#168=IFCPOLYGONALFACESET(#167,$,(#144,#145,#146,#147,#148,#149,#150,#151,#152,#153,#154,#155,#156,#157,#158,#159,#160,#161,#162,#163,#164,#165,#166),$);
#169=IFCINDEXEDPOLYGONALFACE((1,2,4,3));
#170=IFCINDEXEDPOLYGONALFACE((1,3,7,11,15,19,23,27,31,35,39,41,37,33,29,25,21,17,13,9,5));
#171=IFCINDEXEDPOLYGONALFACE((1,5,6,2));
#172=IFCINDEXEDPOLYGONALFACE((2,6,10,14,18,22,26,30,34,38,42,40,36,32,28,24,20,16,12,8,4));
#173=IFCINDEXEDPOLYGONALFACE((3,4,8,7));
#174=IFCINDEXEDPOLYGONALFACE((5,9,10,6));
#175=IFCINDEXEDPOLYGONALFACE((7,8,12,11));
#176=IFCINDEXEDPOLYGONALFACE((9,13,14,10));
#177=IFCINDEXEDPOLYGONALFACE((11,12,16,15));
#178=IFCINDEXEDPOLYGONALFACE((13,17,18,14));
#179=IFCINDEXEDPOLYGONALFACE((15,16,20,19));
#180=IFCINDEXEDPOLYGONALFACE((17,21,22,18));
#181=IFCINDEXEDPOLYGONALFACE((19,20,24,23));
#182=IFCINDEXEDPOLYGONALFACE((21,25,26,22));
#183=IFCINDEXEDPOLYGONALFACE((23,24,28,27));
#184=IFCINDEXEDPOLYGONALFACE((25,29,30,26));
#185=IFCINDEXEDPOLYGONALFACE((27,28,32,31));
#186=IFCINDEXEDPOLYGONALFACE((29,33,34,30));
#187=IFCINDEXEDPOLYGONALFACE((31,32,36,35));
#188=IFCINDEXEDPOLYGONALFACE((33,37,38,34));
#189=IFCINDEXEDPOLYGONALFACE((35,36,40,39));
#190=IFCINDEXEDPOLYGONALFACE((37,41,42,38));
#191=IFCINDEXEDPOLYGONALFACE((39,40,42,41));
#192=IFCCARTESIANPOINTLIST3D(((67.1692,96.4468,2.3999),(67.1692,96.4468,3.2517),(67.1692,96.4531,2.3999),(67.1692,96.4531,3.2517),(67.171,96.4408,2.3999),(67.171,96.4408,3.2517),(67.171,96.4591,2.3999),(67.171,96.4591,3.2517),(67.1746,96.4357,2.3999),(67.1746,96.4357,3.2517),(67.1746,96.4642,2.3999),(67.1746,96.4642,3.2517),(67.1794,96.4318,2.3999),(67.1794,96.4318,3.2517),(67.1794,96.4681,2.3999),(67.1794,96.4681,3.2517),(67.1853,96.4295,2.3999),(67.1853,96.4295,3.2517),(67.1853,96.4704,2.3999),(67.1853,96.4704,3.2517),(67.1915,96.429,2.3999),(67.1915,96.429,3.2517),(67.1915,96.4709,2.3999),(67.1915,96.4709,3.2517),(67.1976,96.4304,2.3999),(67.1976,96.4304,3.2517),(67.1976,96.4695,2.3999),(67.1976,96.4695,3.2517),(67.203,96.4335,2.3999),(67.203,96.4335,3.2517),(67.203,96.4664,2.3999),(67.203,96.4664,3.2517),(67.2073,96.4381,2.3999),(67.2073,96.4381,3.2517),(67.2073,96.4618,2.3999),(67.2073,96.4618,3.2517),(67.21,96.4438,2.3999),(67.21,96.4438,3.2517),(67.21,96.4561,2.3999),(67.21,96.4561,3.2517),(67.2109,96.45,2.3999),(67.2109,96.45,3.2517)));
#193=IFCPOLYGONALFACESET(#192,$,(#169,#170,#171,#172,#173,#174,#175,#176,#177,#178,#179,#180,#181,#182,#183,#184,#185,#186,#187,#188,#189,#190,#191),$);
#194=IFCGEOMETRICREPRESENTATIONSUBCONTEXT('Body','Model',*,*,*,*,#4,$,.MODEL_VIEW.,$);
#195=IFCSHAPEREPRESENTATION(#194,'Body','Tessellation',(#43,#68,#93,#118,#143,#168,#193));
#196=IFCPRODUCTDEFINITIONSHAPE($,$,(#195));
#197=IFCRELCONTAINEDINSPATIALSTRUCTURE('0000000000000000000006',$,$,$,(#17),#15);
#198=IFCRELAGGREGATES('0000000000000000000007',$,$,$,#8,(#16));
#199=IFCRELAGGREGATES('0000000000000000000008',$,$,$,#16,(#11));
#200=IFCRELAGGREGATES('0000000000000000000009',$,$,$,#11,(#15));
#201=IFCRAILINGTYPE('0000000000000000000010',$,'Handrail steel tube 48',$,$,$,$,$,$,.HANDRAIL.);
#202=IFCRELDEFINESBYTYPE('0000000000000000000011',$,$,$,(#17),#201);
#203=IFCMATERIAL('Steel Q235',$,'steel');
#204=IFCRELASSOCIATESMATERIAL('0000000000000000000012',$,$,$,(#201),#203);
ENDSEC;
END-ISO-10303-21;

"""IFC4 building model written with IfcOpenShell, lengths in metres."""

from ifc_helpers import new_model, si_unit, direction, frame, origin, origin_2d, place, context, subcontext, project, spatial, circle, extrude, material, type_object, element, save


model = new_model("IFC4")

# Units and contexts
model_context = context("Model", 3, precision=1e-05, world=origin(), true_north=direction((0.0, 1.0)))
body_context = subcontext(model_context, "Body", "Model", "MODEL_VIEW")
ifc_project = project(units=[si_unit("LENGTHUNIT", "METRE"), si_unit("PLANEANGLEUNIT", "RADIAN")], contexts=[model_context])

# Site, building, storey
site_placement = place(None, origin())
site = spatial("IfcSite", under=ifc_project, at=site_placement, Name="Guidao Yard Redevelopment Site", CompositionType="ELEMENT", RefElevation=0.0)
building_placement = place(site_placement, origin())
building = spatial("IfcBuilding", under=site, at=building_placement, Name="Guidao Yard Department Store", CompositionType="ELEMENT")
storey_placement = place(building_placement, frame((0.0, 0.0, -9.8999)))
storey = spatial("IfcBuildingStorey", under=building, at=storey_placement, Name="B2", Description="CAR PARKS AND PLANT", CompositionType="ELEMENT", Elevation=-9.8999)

====

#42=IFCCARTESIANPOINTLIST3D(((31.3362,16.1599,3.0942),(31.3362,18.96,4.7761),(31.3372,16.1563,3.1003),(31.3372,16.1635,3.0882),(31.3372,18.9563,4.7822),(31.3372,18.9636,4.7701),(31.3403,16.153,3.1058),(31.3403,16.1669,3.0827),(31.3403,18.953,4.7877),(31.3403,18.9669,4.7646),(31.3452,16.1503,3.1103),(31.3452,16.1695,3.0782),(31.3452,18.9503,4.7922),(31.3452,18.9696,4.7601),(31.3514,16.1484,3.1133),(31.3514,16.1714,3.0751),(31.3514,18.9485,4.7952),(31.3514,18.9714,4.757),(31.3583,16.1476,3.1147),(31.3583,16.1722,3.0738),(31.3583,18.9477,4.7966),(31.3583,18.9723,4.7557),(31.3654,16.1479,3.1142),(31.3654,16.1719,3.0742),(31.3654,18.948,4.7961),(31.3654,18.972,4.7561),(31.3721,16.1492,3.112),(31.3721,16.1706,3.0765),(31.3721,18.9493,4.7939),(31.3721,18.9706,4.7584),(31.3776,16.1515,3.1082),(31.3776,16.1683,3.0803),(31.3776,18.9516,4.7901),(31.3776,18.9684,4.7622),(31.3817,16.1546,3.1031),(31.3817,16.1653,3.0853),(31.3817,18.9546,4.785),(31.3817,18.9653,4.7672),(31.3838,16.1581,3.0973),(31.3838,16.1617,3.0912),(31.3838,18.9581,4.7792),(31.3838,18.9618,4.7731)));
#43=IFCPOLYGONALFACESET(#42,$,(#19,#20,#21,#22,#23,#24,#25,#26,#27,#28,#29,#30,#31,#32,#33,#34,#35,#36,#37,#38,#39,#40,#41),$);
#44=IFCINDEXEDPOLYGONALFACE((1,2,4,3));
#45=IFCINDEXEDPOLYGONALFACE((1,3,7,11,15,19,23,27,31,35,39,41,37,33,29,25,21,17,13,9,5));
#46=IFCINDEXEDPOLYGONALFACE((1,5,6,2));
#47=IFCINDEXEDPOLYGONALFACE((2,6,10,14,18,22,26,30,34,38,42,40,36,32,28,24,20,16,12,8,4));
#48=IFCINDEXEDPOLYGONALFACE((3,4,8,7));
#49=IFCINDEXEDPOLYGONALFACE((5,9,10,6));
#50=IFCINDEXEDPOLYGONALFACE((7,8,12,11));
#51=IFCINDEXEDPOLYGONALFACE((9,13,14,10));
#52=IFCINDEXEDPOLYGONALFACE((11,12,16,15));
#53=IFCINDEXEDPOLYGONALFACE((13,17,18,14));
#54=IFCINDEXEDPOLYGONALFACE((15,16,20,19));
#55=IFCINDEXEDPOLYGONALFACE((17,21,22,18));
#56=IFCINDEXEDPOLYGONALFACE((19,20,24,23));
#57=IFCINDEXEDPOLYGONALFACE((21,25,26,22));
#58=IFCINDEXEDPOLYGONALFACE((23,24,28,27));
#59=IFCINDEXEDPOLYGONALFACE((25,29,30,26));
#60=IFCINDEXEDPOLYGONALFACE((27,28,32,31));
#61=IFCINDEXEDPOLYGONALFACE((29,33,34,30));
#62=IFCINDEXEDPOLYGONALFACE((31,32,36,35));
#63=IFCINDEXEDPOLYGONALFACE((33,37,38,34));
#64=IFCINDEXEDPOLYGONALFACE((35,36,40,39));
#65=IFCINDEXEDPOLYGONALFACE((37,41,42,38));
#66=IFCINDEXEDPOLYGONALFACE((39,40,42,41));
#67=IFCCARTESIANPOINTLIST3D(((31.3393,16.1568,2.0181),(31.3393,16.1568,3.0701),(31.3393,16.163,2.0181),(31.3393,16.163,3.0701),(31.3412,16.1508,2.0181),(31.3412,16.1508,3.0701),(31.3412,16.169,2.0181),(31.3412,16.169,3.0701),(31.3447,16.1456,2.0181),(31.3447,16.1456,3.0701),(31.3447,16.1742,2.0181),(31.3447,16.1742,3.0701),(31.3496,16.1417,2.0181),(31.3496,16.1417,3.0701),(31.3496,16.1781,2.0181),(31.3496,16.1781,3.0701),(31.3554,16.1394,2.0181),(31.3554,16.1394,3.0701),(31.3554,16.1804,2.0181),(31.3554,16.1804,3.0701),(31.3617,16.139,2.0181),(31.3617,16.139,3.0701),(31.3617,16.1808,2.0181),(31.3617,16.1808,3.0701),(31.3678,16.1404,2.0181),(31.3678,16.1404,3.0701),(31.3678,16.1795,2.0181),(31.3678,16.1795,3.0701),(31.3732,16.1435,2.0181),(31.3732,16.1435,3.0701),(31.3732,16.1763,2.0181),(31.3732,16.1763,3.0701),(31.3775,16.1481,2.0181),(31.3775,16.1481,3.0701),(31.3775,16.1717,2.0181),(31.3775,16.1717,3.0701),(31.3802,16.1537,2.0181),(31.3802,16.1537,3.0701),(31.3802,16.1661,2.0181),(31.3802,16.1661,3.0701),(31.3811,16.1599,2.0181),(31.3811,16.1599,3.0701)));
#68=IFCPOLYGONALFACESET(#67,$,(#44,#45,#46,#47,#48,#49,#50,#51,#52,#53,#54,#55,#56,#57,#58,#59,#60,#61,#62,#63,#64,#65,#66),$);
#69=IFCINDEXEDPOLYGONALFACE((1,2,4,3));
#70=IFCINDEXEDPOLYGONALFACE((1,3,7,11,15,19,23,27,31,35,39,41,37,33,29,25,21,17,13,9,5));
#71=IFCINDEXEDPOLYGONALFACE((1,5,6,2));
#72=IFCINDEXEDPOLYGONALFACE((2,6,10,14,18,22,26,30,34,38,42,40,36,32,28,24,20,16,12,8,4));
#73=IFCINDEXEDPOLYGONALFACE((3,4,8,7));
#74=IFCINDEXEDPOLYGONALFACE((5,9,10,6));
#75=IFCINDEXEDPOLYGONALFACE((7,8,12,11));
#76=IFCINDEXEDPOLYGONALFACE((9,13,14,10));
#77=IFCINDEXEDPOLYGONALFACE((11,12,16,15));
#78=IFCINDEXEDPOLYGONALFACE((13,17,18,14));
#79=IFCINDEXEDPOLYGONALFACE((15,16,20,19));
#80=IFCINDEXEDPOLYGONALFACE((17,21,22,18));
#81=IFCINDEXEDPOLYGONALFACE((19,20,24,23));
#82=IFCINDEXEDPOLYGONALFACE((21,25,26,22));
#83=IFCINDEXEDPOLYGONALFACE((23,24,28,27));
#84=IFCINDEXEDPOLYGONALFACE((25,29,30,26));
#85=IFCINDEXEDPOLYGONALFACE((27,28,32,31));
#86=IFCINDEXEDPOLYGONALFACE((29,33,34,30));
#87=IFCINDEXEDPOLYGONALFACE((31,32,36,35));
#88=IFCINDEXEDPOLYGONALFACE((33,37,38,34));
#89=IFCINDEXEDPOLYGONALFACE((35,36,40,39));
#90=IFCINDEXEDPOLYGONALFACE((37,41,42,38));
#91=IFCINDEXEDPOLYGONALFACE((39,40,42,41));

====

EXERCISE PROMPT
Whenever the string "steel" turns up in a line above, copy that line out.

RESULT OF THE EXERCISE
#201=IFCRAILINGTYPE('0000000000000000000010',$,'Handrail steel tube 48',$,$,$,$,$,$,.HANDRAIL.);
#203=IFCMATERIAL('Steel Q235',$,'steel');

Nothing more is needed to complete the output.